In the records below, locate the line containing "#108=IFCSHAPEREPRESENTATION(#47,'Body','Tessellation',(#107));", then output that line and all later lines exactly, through the last one.

Collected data
*** Block opens ***

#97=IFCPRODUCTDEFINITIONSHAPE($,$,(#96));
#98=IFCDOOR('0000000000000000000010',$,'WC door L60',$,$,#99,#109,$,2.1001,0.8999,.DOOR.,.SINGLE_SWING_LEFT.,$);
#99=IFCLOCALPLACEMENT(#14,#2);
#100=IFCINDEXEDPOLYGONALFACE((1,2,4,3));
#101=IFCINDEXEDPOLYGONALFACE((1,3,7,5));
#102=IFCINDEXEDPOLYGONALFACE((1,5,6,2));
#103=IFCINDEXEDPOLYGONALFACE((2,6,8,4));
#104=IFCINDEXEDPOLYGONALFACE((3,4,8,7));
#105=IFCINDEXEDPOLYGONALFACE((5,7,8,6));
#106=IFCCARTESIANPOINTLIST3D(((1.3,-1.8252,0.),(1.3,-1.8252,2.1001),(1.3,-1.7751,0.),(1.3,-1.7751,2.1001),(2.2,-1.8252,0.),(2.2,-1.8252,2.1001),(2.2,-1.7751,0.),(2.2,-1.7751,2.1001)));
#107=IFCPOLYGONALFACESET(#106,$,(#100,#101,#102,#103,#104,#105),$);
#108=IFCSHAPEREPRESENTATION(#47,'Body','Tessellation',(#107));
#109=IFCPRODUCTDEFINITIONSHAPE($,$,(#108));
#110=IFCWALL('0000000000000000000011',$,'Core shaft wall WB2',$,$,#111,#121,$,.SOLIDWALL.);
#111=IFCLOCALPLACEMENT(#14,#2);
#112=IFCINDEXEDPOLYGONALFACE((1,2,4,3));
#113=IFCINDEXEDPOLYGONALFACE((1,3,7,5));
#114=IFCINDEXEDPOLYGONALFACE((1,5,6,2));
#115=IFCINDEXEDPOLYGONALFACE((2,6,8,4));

*** Block closes ***

= Task result =
#108=IFCSHAPEREPRESENTATION(#47,'Body','Tessellation',(#107));
#109=IFCPRODUCTDEFINITIONSHAPE($,$,(#108));
#110=IFCWALL('0000000000000000000011',$,'Core shaft wall WB2',$,$,#111,#121,$,.SOLIDWALL.);
#111=IFCLOCALPLACEMENT(#14,#2);
#112=IFCINDEXEDPOLYGONALFACE((1,2,4,3));
#113=IFCINDEXEDPOLYGONALFACE((1,3,7,5));
#114=IFCINDEXEDPOLYGONALFACE((1,5,6,2));
#115=IFCINDEXEDPOLYGONALFACE((2,6,8,4));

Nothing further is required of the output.